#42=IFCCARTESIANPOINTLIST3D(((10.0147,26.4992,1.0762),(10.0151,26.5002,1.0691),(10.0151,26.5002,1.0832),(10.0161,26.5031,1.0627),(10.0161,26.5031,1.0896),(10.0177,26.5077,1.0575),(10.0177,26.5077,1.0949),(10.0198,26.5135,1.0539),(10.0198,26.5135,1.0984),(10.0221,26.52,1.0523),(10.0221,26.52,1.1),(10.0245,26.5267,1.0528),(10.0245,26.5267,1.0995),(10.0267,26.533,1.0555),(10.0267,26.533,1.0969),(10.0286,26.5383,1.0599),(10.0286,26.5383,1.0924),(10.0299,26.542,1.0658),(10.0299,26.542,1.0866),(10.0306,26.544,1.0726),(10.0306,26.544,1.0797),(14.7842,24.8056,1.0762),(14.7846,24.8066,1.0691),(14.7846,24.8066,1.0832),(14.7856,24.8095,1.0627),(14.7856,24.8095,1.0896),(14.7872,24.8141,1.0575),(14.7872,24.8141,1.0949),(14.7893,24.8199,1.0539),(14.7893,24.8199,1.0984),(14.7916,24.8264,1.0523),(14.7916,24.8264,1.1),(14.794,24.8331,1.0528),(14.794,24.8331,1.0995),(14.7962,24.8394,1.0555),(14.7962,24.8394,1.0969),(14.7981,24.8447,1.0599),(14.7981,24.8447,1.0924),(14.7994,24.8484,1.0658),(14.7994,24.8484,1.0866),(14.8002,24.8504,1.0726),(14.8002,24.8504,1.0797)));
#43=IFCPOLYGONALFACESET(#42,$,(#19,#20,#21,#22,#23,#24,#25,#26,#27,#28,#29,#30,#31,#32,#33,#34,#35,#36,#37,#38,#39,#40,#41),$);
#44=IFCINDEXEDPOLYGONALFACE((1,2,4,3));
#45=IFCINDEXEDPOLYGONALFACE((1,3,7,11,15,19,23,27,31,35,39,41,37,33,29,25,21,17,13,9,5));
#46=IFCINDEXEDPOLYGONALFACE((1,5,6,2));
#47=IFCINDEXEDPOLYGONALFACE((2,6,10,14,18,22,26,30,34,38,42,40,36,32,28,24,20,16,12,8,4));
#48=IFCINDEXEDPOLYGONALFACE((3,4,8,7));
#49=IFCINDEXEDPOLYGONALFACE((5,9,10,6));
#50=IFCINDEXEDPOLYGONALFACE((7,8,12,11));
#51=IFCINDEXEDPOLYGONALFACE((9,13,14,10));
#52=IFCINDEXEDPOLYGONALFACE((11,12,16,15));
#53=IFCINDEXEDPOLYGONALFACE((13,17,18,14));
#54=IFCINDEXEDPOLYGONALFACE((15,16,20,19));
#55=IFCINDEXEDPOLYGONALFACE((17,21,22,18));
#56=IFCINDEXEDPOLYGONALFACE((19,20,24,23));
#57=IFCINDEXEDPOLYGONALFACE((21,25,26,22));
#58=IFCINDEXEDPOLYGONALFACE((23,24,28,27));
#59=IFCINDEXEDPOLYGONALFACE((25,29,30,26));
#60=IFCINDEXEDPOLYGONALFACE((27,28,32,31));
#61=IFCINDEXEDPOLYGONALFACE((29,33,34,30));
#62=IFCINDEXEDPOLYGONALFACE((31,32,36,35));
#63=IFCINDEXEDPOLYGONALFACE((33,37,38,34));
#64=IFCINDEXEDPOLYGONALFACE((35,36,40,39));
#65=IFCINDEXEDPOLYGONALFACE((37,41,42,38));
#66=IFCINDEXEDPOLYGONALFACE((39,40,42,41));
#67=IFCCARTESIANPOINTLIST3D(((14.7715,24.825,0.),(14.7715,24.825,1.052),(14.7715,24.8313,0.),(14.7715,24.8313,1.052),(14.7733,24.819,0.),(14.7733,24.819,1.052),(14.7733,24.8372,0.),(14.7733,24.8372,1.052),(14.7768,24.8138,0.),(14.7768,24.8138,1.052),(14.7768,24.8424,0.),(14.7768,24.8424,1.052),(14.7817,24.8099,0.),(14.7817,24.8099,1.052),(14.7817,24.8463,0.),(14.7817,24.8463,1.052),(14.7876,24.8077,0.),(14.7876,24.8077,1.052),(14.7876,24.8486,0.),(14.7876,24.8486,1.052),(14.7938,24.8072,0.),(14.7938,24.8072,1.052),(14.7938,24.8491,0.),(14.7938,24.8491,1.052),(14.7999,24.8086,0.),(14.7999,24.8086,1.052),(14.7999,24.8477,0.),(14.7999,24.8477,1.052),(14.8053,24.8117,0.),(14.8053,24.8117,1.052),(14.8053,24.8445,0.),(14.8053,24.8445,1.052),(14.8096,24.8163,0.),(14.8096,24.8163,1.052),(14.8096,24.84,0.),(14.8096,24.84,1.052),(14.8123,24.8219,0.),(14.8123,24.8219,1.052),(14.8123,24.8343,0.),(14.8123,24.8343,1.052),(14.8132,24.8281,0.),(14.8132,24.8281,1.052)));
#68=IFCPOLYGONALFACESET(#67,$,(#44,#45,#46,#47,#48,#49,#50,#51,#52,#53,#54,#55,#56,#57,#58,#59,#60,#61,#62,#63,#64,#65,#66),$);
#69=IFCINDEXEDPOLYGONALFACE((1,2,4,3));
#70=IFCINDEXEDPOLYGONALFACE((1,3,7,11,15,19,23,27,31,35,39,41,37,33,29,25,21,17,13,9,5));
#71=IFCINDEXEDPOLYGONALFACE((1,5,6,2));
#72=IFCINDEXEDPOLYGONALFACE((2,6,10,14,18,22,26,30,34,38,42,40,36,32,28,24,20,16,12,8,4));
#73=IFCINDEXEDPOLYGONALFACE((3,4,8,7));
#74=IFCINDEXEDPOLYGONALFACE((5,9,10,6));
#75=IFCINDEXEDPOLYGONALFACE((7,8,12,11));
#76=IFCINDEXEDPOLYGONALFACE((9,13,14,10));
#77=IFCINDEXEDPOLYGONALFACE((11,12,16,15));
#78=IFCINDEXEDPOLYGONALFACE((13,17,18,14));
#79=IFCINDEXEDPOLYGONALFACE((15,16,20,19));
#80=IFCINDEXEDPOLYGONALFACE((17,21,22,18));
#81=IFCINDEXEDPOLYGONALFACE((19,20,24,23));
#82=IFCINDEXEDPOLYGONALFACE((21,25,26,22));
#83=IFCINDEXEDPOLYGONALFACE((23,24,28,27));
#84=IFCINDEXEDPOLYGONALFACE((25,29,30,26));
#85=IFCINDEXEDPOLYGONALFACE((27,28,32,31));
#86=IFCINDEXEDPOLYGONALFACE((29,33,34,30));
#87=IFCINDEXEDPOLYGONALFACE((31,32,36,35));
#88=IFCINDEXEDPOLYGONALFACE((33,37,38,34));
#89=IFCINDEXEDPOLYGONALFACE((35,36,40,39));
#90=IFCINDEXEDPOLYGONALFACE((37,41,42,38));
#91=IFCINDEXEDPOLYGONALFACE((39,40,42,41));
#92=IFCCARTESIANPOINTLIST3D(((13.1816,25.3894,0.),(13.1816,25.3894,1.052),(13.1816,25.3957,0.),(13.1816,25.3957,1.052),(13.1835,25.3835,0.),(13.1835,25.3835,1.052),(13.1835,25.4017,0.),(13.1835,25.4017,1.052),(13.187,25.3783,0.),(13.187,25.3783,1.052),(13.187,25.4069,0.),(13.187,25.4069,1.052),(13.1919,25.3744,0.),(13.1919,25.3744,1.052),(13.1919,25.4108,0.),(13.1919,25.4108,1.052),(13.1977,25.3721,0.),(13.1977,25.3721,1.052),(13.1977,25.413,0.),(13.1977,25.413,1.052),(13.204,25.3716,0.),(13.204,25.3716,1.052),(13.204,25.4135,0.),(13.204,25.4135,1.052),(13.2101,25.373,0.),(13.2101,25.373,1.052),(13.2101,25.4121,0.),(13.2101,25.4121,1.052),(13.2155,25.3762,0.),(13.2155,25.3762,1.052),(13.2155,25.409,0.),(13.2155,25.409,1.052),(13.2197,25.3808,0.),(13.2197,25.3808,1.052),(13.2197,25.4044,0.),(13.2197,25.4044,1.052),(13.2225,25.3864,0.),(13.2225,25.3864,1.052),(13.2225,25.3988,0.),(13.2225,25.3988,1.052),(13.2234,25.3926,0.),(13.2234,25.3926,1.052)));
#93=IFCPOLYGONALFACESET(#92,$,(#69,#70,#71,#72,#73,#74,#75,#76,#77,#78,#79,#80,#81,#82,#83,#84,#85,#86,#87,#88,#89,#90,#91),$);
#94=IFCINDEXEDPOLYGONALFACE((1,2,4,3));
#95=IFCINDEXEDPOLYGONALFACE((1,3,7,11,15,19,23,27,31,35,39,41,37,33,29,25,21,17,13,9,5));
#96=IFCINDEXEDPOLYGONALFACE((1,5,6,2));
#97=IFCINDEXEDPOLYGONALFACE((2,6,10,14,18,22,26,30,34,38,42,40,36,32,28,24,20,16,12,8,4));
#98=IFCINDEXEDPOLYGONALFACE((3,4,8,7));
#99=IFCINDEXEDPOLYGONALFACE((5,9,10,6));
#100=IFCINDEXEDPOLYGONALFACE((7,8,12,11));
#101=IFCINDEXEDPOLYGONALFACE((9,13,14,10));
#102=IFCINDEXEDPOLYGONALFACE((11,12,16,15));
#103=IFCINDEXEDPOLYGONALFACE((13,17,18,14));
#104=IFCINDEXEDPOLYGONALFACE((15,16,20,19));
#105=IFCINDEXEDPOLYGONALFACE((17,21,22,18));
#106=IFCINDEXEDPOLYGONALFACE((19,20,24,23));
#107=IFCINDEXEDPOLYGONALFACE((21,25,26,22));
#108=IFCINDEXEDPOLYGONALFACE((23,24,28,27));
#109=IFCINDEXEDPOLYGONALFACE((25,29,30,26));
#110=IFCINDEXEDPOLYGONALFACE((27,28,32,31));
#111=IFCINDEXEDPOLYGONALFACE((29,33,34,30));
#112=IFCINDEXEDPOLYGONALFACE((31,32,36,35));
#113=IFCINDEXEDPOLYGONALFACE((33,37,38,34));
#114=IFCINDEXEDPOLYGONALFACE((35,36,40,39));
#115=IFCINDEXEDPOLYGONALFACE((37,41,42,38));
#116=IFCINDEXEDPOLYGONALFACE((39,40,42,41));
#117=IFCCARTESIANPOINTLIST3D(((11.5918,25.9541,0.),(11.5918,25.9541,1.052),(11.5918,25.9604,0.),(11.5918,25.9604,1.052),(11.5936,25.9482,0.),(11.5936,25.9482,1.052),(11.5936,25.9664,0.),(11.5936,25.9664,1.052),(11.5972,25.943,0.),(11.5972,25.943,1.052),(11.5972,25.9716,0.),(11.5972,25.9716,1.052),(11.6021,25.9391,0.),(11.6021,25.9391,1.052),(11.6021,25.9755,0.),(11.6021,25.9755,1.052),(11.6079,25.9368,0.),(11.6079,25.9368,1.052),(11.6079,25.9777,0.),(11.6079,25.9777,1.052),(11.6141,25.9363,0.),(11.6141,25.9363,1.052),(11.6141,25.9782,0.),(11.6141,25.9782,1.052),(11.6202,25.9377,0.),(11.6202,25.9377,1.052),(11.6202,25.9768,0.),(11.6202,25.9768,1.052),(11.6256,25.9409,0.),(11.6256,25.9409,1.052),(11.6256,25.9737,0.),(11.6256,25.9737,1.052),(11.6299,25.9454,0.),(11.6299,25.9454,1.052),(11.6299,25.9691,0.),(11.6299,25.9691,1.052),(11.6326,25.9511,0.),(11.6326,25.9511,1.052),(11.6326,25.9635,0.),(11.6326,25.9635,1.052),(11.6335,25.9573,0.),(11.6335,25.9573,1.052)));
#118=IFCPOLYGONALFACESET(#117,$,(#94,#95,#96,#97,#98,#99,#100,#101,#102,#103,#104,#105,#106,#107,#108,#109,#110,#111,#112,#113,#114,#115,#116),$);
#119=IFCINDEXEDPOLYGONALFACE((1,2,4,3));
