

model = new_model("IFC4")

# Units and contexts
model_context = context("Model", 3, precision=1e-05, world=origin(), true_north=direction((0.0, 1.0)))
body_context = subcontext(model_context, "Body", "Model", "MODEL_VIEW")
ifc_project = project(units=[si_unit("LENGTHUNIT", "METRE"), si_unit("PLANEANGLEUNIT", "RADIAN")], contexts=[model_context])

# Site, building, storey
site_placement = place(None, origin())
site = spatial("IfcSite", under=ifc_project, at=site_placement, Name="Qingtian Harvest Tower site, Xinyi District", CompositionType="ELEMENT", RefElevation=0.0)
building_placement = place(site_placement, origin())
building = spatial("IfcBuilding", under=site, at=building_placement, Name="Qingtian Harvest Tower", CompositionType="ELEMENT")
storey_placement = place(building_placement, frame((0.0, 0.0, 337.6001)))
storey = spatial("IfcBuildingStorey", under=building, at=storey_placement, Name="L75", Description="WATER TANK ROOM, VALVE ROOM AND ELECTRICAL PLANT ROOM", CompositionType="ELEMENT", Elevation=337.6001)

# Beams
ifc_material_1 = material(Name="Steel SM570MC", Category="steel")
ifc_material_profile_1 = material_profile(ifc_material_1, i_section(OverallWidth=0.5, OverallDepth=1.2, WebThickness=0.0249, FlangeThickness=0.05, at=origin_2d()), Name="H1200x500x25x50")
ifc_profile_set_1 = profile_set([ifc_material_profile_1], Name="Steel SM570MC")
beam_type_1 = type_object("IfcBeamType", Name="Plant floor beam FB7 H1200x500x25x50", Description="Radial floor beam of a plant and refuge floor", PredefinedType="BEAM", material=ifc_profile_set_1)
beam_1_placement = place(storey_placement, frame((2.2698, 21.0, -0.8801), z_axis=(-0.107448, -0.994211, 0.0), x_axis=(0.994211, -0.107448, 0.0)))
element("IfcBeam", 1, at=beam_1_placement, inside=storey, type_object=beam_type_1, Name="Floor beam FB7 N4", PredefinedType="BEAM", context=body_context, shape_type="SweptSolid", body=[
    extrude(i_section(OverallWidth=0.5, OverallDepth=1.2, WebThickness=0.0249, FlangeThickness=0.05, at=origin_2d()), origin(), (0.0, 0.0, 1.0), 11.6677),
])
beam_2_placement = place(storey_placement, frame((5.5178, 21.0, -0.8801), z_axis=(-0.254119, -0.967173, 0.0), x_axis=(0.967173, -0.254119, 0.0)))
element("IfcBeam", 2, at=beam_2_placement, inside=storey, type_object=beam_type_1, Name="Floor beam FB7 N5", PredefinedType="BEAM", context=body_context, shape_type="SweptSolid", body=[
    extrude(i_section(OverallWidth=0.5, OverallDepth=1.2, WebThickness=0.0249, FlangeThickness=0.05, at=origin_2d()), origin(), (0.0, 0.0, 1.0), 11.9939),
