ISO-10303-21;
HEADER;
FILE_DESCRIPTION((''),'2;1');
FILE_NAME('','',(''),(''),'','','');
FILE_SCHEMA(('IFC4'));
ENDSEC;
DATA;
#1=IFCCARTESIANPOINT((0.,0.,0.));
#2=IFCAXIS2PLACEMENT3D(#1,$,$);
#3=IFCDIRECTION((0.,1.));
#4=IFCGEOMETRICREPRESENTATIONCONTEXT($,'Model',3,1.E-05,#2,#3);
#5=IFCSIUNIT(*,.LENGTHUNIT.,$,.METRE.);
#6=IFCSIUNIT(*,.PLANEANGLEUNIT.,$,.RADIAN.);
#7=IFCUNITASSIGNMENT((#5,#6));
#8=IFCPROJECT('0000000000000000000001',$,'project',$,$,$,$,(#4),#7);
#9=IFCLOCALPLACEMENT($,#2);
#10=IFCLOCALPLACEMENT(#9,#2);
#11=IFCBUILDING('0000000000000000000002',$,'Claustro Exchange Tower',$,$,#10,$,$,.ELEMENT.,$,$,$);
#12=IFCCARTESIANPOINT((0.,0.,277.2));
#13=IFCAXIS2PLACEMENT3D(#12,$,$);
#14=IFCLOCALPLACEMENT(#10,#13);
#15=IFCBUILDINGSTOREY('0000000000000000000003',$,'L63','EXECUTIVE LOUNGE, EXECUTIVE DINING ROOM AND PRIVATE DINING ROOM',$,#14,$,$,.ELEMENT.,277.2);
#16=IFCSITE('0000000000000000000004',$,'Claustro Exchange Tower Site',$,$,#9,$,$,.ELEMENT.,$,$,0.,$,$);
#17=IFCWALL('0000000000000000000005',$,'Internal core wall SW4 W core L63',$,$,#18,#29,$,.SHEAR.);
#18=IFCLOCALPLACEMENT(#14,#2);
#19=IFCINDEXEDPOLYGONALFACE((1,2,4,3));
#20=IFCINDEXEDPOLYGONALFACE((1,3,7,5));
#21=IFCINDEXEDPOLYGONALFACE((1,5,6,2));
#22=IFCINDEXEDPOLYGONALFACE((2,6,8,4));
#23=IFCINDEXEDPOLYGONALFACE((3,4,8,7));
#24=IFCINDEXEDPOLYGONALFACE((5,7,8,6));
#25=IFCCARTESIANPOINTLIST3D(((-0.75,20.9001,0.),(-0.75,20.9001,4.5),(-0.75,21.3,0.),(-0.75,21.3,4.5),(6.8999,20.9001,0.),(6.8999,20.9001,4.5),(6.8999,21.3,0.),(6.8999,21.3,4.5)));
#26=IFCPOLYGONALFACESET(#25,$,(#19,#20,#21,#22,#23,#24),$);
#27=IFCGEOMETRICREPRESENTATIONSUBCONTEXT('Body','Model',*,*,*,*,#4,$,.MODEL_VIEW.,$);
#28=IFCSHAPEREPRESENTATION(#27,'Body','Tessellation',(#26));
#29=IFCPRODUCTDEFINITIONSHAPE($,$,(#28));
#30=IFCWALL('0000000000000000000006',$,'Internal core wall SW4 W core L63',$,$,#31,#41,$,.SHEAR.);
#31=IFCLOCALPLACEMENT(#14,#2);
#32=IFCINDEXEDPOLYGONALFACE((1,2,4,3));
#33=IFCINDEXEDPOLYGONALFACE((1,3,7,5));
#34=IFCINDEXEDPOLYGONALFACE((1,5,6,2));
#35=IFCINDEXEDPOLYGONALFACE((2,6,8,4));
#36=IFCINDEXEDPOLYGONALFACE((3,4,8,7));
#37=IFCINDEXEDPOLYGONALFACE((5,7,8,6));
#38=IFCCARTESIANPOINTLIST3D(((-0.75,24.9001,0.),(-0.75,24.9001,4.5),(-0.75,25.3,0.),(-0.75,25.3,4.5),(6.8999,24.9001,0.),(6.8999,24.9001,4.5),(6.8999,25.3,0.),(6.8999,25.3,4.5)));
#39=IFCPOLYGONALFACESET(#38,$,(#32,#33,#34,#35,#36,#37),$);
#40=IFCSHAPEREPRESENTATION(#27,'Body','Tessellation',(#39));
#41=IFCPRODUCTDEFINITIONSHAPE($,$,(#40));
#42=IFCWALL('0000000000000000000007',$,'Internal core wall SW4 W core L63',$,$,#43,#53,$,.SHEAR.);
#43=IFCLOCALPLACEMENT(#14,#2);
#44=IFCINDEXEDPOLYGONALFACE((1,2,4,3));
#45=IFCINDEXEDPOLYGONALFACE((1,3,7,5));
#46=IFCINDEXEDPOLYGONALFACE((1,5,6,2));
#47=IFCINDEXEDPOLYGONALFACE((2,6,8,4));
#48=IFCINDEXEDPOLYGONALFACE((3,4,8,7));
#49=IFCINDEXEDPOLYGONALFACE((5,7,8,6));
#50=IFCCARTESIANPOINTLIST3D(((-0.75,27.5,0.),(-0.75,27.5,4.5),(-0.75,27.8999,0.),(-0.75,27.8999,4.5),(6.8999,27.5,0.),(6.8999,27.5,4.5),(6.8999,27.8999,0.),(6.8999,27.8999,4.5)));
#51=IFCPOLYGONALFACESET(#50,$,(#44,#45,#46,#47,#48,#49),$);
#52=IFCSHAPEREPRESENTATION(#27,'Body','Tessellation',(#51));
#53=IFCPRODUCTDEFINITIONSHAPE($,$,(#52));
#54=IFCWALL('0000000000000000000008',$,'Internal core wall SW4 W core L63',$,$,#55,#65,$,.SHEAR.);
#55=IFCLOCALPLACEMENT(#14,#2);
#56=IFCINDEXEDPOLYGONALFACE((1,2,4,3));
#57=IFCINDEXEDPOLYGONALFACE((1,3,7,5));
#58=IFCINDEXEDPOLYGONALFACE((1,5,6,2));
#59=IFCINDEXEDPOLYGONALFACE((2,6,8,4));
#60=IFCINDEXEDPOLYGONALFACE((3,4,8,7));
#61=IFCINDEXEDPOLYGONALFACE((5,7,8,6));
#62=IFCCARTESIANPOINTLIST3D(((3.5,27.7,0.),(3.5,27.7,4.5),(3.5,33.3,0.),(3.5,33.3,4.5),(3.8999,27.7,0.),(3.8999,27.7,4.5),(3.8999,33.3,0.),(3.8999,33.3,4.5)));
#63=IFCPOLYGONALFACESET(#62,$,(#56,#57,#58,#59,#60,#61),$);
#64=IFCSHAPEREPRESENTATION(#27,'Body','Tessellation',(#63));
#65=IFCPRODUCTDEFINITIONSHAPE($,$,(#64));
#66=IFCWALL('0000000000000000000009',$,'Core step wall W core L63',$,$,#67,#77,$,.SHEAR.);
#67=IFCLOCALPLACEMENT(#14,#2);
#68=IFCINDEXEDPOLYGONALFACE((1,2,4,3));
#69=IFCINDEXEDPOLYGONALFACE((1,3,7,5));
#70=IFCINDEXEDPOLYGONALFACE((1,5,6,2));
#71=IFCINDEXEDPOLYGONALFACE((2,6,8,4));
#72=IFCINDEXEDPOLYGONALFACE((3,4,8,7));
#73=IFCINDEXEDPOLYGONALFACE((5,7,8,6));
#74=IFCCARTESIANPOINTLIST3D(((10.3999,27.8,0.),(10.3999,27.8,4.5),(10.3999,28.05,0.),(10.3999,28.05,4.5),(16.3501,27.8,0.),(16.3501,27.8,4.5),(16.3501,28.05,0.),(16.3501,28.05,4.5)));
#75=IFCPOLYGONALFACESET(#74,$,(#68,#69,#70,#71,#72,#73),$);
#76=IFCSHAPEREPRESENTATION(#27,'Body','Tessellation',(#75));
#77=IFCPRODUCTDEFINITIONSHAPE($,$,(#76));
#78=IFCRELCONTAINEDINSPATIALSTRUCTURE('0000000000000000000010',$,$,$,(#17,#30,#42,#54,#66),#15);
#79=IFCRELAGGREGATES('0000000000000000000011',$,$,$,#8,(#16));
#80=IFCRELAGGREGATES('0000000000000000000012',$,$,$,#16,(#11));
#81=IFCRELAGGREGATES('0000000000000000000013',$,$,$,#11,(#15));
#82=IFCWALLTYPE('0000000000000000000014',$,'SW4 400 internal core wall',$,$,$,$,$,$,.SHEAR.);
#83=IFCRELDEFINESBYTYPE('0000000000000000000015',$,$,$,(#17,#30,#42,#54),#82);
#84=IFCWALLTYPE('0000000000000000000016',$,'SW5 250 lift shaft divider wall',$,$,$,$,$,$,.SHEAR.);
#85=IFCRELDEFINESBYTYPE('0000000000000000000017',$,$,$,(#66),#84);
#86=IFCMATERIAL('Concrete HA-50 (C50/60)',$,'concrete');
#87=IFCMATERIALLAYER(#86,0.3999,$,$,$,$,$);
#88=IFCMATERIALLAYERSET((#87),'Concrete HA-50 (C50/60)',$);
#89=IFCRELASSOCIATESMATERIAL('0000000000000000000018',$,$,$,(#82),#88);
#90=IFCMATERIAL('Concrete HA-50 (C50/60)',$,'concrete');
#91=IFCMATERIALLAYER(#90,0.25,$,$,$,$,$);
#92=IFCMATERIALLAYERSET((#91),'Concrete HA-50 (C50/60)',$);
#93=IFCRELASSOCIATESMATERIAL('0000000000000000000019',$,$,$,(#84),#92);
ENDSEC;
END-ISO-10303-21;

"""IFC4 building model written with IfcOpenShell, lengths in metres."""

from ifc_helpers import new_model, si_unit, direction, frame, frame_2d, origin, place, context, subcontext, project, spatial, rectangle, extrude, material, layer, layer_set, type_object, element, save


model = new_model("IFC4")

# Units and contexts
model_context = context("Model", 3, precision=1e-05, world=origin(), true_north=direction((0.0, 1.0)))
body_context = subcontext(model_context, "Body", "Model", "MODEL_VIEW")
ifc_project = project(units=[si_unit("LENGTHUNIT", "METRE"), si_unit("PLANEANGLEUNIT", "RADIAN")], contexts=[model_context])

# Site, building, storey
site_placement = place(None, origin())
site = spatial("IfcSite", under=ifc_project, at=site_placement, Name="Claustro Exchange Tower Site", CompositionType="ELEMENT", RefElevation=0.0)
building_placement = place(site_placement, origin())
building = spatial("IfcBuilding", under=site, at=building_placement, Name="Claustro Exchange Tower", CompositionType="ELEMENT")
storey_placement = place(building_placement, frame((0.0, 0.0, 277.2)))
storey = spatial("IfcBuildingStorey", under=building, at=storey_placement, Name="L63", Description="EXECUTIVE LOUNGE, EXECUTIVE DINING ROOM AND PRIVATE DINING ROOM", CompositionType="ELEMENT", Elevation=277.2)

# Walls
ifc_material_1 = material(Name="Concrete HA-50 (C50/60)", Category="concrete")
ifc_layer_1 = layer(ifc_material_1, 0.3999)
ifc_layer_set_1 = layer_set([ifc_layer_1], Name="Concrete HA-50 (C50/60)")
wall_type_1 = type_object("IfcWallType", Name="SW4 400 internal core wall", PredefinedType="SHEAR", material=ifc_layer_set_1)
for number, where, z_axis, x_axis, name in (
    (1, (-0.75, 21.1001, 0.0), (0.0, 0.0, 1.0), (1.0, 0.0, 0.0), "Internal core wall SW4 W core L63"),
    (2, (-0.75, 25.1001, 0.0), (0.0, 0.0, 1.0), (1.0, 0.0, 0.0), "Internal core wall SW4 W core L63"),
    (3, (-0.75, 27.7, 0.0), (0.0, 0.0, 1.0), (1.0, 0.0, 0.0), "Internal core wall SW4 W core L63"),
):
    element("IfcWall", number, at=place(storey_placement, frame(where, z_axis=z_axis, x_axis=x_axis)), inside=storey, type_object=wall_type_1, Name=name, PredefinedType="SHEAR", context=body_context, shape_type="SweptSolid", body=[
        extrude(rectangle(XDim=7.6499, YDim=0.3999, at=frame_2d((3.825, 0.0))), origin(), (0.0, 0.0, 1.0), 4.5),
    ])
wall_1_placement = place(storey_placement, frame((3.7, 27.7, 0.0), z_axis=(0.0, 0.0, 1.0), x_axis=(0.0, 1.0, 0.0)))
element("IfcWall", 4, at=wall_1_placement, inside=storey, type_object=wall_type_1, Name="Internal core wall SW4 W core L63", PredefinedType="SHEAR", context=body_context, shape_type="SweptSolid", body=[
    extrude(rectangle(XDim=5.6001, YDim=0.3999, at=frame_2d((2.8, 0.0))), origin(), (0.0, 0.0, 1.0), 4.5),
])
ifc_material_2 = material(Name="Concrete HA-50 (C50/60)", Category="concrete")
ifc_layer_2 = layer(ifc_material_2, 0.25)
ifc_layer_set_2 = layer_set([ifc_layer_2], Name="Concrete HA-50 (C50/60)")
wall_type_2 = type_object("IfcWallType", Name="SW5 250 lift shaft divider wall", PredefinedType="SHEAR", material=ifc_layer_set_2)
wall_2_placement = place(storey_placement, frame((10.3999, 27.925, 0.0), z_axis=(0.0, 0.0, 1.0), x_axis=(1.0, 0.0, 0.0)))
element("IfcWall", 5, at=wall_2_placement, inside=storey, type_object=wall_type_2, Name="Core step wall W core L63", PredefinedType="SHEAR", context=body_context, shape_type="SweptSolid", body=[
    extrude(rectangle(XDim=5.9502, YDim=0.25, at=frame_2d((2.9751, 0.0))), origin(), (0.0, 0.0, 1.0), 4.5),
])

save(model, "model.ifc")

EXERCISE DETAILS
When you reach the line containing "#71=IFCINDEXEDPOLYGONALFACE((2,6,8,4));" in the data above, start copying exactly, and stop after the line containing "#80=IFCRELAGGREGATES('0000000000000000000012',$,$,$,#16,(#11));".

RESPONSE
#71=IFCINDEXEDPOLYGONALFACE((2,6,8,4));
#72=IFCINDEXEDPOLYGONALFACE((3,4,8,7));
#73=IFCINDEXEDPOLYGONALFACE((5,7,8,6));
#74=IFCCARTESIANPOINTLIST3D(((10.3999,27.8,0.),(10.3999,27.8,4.5),(10.3999,28.05,0.),(10.3999,28.05,4.5),(16.3501,27.8,0.),(16.3501,27.8,4.5),(16.3501,28.05,0.),(16.3501,28.05,4.5)));
#75=IFCPOLYGONALFACESET(#74,$,(#68,#69,#70,#71,#72,#73),$);
#76=IFCSHAPEREPRESENTATION(#27,'Body','Tessellation',(#75));
#77=IFCPRODUCTDEFINITIONSHAPE($,$,(#76));
#78=IFCRELCONTAINEDINSPATIALSTRUCTURE('0000000000000000000010',$,$,$,(#17,#30,#42,#54,#66),#15);
#79=IFCRELAGGREGATES('0000000000000000000011',$,$,$,#8,(#16));
#80=IFCRELAGGREGATES('0000000000000000000012',$,$,$,#16,(#11));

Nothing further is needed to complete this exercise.